(EXTRACTED ENTRIES)
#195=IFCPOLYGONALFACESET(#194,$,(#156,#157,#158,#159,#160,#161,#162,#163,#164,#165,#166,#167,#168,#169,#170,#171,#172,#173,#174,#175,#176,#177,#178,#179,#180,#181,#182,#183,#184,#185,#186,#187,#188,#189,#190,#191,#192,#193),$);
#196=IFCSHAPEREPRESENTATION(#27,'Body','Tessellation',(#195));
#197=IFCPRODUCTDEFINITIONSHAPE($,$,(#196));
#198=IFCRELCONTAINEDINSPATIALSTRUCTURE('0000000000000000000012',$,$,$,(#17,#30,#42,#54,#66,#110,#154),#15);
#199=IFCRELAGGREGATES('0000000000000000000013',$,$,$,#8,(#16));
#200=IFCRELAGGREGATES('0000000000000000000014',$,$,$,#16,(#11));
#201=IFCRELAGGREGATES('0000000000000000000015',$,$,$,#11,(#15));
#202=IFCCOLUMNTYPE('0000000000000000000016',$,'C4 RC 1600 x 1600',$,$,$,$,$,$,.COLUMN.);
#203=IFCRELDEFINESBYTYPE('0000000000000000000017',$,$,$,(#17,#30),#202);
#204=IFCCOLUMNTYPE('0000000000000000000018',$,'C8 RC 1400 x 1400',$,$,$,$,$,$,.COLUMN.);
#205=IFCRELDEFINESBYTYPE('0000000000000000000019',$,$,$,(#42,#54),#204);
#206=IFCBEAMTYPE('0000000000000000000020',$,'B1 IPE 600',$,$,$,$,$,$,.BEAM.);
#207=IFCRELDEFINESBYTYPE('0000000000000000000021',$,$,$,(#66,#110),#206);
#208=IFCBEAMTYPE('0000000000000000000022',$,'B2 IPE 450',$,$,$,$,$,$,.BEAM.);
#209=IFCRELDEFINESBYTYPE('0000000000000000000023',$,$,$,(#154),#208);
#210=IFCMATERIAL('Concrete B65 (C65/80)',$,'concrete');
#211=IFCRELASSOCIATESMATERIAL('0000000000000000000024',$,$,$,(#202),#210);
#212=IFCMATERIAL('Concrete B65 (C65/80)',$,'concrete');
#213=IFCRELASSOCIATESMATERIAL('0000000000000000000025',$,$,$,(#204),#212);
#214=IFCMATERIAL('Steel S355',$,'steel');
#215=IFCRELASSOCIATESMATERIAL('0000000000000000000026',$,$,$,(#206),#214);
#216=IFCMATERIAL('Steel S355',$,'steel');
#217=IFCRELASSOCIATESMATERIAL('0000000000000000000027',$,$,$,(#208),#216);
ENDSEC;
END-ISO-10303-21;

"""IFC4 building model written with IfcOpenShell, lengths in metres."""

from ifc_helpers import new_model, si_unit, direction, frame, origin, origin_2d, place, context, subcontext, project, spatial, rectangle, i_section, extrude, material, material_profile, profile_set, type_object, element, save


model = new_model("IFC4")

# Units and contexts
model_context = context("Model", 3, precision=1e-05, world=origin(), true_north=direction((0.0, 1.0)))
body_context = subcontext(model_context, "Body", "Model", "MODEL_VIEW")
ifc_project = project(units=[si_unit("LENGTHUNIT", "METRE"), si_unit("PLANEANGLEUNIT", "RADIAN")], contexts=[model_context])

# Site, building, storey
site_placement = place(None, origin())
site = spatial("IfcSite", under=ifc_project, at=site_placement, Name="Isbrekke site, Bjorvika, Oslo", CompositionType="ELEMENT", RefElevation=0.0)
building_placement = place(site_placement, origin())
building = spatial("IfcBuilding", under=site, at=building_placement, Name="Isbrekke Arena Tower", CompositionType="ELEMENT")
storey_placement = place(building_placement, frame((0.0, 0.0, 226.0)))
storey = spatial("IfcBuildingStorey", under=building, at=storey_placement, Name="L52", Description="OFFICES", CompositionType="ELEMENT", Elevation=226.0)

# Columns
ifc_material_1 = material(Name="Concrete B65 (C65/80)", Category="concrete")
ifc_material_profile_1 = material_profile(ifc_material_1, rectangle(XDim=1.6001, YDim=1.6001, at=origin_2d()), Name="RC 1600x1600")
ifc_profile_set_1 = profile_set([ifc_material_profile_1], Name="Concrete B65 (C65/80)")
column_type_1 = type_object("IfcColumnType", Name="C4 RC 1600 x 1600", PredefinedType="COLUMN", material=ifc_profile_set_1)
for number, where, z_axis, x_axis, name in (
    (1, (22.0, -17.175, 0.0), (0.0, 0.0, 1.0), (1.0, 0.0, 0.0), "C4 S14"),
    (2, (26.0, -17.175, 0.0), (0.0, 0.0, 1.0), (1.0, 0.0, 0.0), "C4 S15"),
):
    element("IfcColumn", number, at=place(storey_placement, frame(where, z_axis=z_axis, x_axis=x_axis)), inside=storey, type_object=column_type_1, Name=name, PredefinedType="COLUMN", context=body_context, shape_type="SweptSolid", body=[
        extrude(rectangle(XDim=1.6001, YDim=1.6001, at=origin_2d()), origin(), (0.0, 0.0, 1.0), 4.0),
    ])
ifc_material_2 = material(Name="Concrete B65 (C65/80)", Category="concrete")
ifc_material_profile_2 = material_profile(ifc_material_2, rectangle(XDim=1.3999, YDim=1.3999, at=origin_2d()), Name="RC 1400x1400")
(End EXTRACTED ENTRIES)
WORK TASK
Which lines of the data above contain "BEAM"? Copy each one.

ANSWER SPACE
#206=IFCBEAMTYPE('0000000000000000000020',$,'B1 IPE 600',$,$,$,$,$,$,.BEAM.);
#208=IFCBEAMTYPE('0000000000000000000022',$,'B2 IPE 450',$,$,$,$,$,$,.BEAM.);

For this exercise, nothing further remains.